*What you are asked to do*. From the entries, return every line where the string "core" shows up.

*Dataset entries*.
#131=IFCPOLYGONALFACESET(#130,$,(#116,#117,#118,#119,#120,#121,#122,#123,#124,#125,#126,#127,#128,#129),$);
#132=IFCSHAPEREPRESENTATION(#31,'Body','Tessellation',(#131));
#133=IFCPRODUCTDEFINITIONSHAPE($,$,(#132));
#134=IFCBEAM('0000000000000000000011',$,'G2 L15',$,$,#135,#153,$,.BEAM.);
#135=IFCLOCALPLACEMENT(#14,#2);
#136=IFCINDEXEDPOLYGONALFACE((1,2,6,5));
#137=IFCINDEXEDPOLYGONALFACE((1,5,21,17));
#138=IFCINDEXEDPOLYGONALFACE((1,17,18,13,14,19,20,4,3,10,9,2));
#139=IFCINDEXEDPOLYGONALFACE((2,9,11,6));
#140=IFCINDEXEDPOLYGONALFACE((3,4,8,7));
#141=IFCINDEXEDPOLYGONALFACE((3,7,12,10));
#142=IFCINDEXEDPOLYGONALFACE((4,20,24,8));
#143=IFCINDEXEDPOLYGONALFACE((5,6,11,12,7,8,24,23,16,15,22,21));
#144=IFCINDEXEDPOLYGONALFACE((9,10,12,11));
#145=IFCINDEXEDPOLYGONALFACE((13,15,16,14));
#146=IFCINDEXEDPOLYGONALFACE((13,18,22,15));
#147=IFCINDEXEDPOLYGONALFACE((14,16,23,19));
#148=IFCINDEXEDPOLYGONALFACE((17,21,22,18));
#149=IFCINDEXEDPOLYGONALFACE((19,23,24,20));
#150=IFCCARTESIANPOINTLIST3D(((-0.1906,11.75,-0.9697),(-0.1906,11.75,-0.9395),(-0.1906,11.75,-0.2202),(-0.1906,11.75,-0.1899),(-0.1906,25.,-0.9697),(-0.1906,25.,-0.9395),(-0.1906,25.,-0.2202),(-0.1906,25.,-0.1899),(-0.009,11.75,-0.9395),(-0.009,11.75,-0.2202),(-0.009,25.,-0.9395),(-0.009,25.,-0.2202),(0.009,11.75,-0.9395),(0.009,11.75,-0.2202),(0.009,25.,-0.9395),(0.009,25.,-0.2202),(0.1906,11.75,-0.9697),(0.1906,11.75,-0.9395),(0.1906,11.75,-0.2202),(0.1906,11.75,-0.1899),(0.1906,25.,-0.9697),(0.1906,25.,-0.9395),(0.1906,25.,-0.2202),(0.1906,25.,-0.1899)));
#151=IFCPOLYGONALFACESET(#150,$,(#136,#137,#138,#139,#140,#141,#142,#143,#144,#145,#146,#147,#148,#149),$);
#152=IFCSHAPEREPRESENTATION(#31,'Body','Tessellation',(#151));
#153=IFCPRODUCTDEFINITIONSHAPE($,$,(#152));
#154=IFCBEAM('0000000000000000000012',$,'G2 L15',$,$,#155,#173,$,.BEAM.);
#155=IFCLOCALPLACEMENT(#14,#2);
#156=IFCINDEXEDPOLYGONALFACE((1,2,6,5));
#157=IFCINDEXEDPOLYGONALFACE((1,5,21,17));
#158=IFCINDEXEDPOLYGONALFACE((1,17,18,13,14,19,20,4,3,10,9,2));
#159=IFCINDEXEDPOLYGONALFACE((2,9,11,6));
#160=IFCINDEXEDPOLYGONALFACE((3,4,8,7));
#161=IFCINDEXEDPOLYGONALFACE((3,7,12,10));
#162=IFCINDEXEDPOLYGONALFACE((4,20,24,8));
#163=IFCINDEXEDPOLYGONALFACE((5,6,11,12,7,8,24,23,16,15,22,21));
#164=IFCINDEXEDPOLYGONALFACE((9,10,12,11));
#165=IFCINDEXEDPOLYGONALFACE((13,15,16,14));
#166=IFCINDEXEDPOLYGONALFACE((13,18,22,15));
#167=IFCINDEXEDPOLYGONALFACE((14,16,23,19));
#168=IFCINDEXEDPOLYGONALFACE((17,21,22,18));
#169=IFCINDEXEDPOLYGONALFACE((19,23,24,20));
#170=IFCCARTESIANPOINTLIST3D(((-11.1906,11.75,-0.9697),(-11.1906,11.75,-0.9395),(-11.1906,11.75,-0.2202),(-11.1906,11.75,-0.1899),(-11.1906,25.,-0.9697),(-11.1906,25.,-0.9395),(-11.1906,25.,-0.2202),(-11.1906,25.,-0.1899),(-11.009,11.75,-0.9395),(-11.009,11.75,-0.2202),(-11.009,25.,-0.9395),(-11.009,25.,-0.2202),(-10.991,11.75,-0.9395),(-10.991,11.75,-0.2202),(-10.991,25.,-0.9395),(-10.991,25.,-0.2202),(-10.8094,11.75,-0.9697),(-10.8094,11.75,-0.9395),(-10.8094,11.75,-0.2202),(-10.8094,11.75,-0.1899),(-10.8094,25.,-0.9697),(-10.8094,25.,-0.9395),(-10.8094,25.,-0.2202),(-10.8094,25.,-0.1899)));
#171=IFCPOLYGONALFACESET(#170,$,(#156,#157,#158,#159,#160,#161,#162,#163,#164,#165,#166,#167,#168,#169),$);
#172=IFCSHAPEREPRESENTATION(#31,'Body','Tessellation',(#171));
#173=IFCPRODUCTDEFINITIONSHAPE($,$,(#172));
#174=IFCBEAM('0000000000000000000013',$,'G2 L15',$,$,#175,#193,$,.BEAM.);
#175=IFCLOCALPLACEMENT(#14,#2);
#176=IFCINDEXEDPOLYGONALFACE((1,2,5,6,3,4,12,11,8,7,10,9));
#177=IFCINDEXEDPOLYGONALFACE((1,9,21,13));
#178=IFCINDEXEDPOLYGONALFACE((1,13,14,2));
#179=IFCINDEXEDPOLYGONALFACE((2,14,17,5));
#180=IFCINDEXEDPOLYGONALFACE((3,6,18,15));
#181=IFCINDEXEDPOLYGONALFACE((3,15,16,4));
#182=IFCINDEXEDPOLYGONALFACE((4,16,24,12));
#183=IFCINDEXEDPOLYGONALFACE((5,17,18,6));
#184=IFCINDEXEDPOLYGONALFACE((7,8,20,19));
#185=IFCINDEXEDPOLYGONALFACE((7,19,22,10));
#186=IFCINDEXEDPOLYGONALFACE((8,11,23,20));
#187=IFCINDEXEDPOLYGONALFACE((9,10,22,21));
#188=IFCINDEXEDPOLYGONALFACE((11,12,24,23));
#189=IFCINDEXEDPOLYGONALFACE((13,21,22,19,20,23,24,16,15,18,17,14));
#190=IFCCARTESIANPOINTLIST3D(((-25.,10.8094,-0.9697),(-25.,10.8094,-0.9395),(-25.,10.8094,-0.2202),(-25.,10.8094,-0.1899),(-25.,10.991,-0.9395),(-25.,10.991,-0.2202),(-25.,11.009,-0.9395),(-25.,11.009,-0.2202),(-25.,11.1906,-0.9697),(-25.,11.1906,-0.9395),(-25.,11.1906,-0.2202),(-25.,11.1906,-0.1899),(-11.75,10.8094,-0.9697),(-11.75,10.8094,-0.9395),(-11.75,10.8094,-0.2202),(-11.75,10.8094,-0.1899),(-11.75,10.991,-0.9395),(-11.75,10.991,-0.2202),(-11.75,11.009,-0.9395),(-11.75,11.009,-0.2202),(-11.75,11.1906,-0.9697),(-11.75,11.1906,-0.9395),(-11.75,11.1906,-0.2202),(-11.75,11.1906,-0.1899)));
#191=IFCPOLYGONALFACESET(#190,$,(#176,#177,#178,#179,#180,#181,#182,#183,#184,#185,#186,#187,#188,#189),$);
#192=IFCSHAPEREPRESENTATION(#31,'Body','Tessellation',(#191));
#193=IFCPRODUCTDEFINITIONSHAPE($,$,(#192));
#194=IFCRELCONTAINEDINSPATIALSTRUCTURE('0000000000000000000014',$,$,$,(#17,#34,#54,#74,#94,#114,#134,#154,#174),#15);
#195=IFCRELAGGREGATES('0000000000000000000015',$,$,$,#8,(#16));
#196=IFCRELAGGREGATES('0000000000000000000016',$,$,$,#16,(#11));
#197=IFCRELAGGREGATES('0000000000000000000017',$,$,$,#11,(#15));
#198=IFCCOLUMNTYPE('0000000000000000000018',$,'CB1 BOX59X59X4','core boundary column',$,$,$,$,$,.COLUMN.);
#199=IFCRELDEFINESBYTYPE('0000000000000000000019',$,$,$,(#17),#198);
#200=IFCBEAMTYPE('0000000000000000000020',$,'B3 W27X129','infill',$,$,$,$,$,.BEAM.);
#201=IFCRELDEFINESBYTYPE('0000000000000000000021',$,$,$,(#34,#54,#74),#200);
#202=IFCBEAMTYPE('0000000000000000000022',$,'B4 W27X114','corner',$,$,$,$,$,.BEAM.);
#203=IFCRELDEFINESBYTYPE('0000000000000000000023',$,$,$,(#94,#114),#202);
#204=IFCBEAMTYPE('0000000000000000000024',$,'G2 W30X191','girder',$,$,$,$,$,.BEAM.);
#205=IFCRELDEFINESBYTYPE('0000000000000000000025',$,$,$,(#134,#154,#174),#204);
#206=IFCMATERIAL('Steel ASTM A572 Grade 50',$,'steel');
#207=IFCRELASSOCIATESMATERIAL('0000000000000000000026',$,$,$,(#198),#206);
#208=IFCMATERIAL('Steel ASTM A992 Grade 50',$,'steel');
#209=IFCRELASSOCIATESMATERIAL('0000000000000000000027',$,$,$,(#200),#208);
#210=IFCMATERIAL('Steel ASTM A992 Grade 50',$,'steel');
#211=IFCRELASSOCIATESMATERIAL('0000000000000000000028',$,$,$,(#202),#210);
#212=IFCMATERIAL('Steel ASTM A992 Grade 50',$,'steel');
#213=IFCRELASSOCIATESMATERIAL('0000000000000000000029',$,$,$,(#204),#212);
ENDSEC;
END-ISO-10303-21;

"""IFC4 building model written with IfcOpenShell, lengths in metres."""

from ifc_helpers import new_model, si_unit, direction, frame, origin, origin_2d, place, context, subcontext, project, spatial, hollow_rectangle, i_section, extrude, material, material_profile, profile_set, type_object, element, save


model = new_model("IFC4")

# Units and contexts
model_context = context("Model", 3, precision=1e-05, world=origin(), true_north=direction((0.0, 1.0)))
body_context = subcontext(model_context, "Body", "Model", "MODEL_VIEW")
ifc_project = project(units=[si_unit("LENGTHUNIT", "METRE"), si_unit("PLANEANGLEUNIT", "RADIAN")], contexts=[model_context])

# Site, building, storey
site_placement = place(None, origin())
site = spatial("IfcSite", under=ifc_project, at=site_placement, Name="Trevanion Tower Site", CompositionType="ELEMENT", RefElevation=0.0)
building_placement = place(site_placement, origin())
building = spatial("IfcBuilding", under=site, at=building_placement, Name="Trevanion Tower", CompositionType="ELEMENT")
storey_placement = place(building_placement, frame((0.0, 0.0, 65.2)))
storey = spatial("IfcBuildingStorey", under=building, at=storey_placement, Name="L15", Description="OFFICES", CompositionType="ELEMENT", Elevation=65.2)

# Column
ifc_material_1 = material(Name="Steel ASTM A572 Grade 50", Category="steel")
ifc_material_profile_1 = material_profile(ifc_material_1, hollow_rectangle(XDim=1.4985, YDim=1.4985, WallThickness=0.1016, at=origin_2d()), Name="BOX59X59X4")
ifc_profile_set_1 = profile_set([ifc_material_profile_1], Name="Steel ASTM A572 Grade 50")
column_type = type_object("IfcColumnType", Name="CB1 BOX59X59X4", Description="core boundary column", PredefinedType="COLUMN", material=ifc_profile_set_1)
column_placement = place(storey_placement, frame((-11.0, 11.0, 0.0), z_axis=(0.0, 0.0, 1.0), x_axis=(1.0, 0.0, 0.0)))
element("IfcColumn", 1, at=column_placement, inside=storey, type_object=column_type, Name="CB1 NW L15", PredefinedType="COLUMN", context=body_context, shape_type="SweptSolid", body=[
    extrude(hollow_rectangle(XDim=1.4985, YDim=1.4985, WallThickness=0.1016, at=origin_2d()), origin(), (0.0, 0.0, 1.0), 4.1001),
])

*Answer to this exercise*.
#198=IFCCOLUMNTYPE('0000000000000000000018',$,'CB1 BOX59X59X4','core boundary column',$,$,$,$,$,.COLUMN.);
column_type = type_object("IfcColumnType", Name="CB1 BOX59X59X4", Description="core boundary column", PredefinedType="COLUMN", material=ifc_profile_set_1)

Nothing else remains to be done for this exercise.